_Work to be completed_: Below is a listing. Quote from it, exactly, the lines from the one containing "#71=IFCRELAGGREGATES('0000000000000000000009',$,$,$,#8,(#16));" down to the one containing "#74=IFCPLATETYPE('0000000000000000000012',$,'Pale metal solar", both ends included, and nothing else.

+ + + + + + +

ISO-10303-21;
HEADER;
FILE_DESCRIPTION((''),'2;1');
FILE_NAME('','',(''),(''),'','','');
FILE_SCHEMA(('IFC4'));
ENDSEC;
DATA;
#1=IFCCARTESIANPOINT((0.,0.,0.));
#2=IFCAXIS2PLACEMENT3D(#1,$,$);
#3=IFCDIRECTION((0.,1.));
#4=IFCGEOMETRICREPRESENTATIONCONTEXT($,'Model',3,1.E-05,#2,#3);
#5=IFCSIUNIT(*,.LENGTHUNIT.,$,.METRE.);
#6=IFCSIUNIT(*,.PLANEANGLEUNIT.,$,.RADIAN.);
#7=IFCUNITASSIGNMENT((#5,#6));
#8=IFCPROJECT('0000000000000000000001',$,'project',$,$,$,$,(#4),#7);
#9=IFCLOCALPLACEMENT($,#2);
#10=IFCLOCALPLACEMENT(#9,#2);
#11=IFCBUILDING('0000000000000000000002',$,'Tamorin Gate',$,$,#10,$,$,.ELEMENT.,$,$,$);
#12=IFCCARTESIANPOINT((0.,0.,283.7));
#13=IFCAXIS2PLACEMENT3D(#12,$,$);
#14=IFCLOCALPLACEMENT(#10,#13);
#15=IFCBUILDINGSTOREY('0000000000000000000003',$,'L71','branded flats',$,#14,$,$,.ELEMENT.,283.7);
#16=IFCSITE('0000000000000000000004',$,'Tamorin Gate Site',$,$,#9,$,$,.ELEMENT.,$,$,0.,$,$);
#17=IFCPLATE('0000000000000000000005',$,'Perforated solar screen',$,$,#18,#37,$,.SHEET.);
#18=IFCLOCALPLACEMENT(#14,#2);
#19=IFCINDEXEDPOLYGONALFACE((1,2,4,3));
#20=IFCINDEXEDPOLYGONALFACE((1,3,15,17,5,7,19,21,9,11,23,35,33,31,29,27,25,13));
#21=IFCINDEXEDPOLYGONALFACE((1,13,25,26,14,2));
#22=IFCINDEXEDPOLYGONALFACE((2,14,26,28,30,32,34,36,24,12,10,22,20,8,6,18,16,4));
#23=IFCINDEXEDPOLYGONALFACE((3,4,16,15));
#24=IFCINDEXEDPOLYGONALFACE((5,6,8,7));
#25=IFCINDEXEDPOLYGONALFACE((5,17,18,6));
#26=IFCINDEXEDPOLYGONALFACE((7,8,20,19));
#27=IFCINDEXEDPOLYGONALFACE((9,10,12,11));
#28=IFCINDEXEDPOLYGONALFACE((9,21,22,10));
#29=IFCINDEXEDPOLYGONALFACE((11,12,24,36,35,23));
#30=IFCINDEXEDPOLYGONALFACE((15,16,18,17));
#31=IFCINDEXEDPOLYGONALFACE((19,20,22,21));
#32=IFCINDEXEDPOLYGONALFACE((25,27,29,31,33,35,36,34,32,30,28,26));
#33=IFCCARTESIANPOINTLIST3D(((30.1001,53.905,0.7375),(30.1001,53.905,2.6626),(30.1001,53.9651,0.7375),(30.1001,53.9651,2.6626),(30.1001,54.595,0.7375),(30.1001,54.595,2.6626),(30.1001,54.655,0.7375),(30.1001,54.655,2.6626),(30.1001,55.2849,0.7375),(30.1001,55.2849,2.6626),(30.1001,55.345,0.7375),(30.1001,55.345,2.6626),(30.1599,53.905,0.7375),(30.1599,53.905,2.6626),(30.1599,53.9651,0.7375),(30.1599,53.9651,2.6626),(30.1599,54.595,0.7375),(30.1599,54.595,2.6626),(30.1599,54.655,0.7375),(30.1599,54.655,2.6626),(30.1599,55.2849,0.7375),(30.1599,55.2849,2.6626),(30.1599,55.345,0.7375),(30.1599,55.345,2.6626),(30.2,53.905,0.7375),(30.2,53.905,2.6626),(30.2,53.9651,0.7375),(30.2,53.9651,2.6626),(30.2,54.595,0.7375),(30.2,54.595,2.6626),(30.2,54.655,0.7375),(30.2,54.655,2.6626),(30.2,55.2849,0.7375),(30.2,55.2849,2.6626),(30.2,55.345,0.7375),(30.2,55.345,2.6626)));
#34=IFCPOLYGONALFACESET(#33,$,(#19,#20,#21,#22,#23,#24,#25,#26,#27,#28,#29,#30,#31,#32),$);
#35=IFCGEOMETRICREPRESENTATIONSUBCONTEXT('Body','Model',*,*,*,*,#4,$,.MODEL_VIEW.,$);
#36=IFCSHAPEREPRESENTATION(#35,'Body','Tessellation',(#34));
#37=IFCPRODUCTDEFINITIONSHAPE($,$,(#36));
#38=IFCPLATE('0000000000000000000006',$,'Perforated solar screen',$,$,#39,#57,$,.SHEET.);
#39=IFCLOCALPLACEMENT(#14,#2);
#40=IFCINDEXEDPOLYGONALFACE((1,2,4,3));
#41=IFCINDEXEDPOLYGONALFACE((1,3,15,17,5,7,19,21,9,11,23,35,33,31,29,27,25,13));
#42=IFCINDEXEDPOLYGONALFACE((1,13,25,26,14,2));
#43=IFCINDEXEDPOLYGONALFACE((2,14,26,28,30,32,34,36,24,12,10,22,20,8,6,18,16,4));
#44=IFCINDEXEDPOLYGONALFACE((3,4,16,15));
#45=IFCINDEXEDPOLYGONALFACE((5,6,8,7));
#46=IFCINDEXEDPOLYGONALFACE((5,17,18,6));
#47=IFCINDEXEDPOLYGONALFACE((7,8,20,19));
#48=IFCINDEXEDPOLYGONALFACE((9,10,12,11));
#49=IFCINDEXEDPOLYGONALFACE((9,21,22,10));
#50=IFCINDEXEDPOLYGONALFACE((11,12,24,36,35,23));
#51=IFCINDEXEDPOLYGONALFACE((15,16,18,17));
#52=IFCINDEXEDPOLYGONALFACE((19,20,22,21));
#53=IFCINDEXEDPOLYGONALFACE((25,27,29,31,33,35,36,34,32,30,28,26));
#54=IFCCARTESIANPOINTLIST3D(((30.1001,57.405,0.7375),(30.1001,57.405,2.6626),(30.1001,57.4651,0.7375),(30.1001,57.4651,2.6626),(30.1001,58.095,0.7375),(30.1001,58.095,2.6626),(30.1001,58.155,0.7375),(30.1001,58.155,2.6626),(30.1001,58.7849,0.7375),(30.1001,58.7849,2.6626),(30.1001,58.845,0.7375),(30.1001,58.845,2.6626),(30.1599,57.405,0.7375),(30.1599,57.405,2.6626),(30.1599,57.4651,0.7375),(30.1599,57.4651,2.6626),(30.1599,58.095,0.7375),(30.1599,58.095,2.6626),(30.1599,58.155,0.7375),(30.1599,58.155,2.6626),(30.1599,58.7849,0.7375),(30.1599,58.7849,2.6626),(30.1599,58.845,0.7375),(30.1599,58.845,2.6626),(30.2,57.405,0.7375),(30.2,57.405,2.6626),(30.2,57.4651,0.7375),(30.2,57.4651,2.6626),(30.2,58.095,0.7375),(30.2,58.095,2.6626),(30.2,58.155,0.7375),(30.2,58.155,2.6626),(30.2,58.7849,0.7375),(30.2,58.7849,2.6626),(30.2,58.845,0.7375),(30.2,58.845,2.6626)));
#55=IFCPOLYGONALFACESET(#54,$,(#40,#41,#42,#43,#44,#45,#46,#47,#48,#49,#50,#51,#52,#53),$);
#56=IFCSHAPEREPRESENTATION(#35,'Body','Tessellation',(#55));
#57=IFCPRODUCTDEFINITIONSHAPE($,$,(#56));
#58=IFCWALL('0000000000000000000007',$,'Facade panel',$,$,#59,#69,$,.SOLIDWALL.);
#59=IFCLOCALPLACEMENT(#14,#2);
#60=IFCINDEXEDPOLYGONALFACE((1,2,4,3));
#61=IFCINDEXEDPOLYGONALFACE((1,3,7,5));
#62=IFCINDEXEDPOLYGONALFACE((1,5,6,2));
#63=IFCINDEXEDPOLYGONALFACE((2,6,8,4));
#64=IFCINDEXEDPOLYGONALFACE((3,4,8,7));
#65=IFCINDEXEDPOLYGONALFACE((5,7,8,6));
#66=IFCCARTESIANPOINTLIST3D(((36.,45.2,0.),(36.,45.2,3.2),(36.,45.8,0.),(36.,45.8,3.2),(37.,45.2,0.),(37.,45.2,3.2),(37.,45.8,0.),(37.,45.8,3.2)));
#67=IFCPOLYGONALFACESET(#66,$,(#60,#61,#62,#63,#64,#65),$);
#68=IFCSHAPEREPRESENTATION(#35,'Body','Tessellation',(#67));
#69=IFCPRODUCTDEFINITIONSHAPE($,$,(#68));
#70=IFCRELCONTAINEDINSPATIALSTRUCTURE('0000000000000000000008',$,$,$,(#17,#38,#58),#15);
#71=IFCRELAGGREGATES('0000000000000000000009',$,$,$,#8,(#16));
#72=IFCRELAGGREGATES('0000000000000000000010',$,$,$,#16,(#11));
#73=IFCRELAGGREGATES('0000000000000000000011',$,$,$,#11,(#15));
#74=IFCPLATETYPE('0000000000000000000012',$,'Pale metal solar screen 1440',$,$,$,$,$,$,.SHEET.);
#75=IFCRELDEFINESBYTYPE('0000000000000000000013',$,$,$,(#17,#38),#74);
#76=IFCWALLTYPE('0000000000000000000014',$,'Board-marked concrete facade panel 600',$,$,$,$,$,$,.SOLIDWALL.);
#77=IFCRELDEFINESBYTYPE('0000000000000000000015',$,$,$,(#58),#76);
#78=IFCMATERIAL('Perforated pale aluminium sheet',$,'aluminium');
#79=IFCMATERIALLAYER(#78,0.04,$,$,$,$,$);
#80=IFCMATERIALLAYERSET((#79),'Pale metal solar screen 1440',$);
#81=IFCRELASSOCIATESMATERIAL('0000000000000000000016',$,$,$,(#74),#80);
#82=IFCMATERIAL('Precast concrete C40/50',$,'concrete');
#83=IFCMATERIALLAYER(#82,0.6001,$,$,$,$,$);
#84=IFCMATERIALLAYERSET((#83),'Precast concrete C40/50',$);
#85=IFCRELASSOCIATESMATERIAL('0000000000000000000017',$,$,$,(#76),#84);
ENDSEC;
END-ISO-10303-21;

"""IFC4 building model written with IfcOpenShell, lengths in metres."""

from ifc_helpers import new_model, si_unit, direction, frame, frame_2d, origin, place, context, subcontext, project, spatial, polyline, rectangle, outline, extrude, material, layer, layer_set, type_object, element, save


model = new_model("IFC4")

# Units and contexts
model_context = context("Model", 3, precision=1e-05, world=origin(), true_north=direction((0.0, 1.0)))
body_context = subcontext(model_context, "Body", "Model", "MODEL_VIEW")
ifc_project = project(units=[si_unit("LENGTHUNIT", "METRE"), si_unit("PLANEANGLEUNIT", "RADIAN")], contexts=[model_context])

# Site, building, storey
site_placement = place(None, origin())
site = spatial("IfcSite", under=ifc_project, at=site_placement, Name="Tamorin Gate Site", CompositionType="ELEMENT", RefElevation=0.0)
building_placement = place(site_placement, origin())
building = spatial("IfcBuilding", under=site, at=building_placement, Name="Tamorin Gate", CompositionType="ELEMENT")
storey_placement = place(building_placement, frame((0.0, 0.0, 283.7)))
storey = spatial("IfcBuildingStorey", under=building, at=storey_placement, Name="L71", Description="branded flats", CompositionType="ELEMENT", Elevation=283.7)

# Plates
ifc_material_1 = material(Name="Perforated pale aluminium sheet", Category="aluminium")
ifc_layer_1 = layer(ifc_material_1, 0.04)
ifc_layer_set_1 = layer_set([ifc_layer_1], Name="Pale metal solar screen 1440")
plate_type = type_object("IfcPlateType", Name="Pale metal solar screen 1440", PredefinedType="SHEET", material=ifc_layer_set_1)
plate_1_placement = place(storey_placement, frame((0.0, 0.0, 0.7375)))
element("IfcPlate", 1, at=plate_1_placement, inside=storey, type_object=plate_type, Name="Perforated solar screen", PredefinedType="SHEET", context=body_context, shape_type="SweptSolid", body=[
    extrude(outline(polyline([(30.1599, 55.345), (30.2, 55.345), (30.2, 55.2849), (30.2, 54.655), (30.2, 54.595), (30.2, 53.9651), (30.2, 53.905), (30.1599, 53.905), (30.1001, 53.905), (30.1001, 53.9651), (30.1599, 53.9651), (30.1599, 54.595), (30.1001, 54.595), (30.1001, 54.655), (30.1599, 54.655), (30.1599, 55.2849), (30.1001, 55.2849), (30.1001, 55.345), (30.1599, 55.345)])), origin(), (0.0, 0.0, 1.0), 1.925),
])
plate_2_placement = place(storey_placement, frame((0.0, 0.0, 0.7375)))
element("IfcPlate", 2, at=plate_2_placement, inside=storey, type_object=plate_type, Name="Perforated solar screen", PredefinedType="SHEET", context=body_context, shape_type="SweptSolid", body=[
    extrude(outline(polyline([(30.1599, 58.845), (30.2, 58.845), (30.2, 58.7849), (30.2, 58.155), (30.2, 58.095), (30.2, 57.4651), (30.2, 57.405), (30.1599, 57.405), (30.1001, 57.405), (30.1001, 57.4651), (30.1599, 57.4651), (30.1599, 58.095), (30.1001, 58.095), (30.1001, 58.155), (30.1599, 58.155), (30.1599, 58.7849), (30.1001, 58.7849), (30.1001, 58.845), (30.1599, 58.845)])), origin(), (0.0, 0.0, 1.0), 1.925),
])

# Wall
ifc_material_2 = material(Name="Precast concrete C40/50", Category="concrete")
ifc_layer_2 = layer(ifc_material_2, 0.6001)
ifc_layer_set_2 = layer_set([ifc_layer_2], Name="Precast concrete C40/50")
wall_type = type_object("IfcWallType", Name="Board-marked concrete facade panel 600", PredefinedType="SOLIDWALL", material=ifc_layer_set_2)
wall_placement = place(storey_placement, frame((36.0, 45.5, 0.0), z_axis=(0.0, 0.0, 1.0), x_axis=(1.0, 0.0, 0.0)))
element("IfcWall", 3, at=wall_placement, inside=storey, type_object=wall_type, Name="Facade panel", PredefinedType="SOLIDWALL", context=body_context, shape_type="SweptSolid", body=[
    extrude(rectangle(XDim=1.0, YDim=0.6001, at=frame_2d((0.5, 0.0))), origin(), (0.0, 0.0, 1.0), 3.2),
])

save(model, "model.ifc")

+ + + + + + +

_Task answer_:
#71=IFCRELAGGREGATES('0000000000000000000009',$,$,$,#8,(#16));
#72=IFCRELAGGREGATES('0000000000000000000010',$,$,$,#16,(#11));
#73=IFCRELAGGREGATES('0000000000000000000011',$,$,$,#11,(#15));
#74=IFCPLATETYPE('0000000000000000000012',$,'Pale metal solar screen 1440',$,$,$,$,$,$,.SHEET.);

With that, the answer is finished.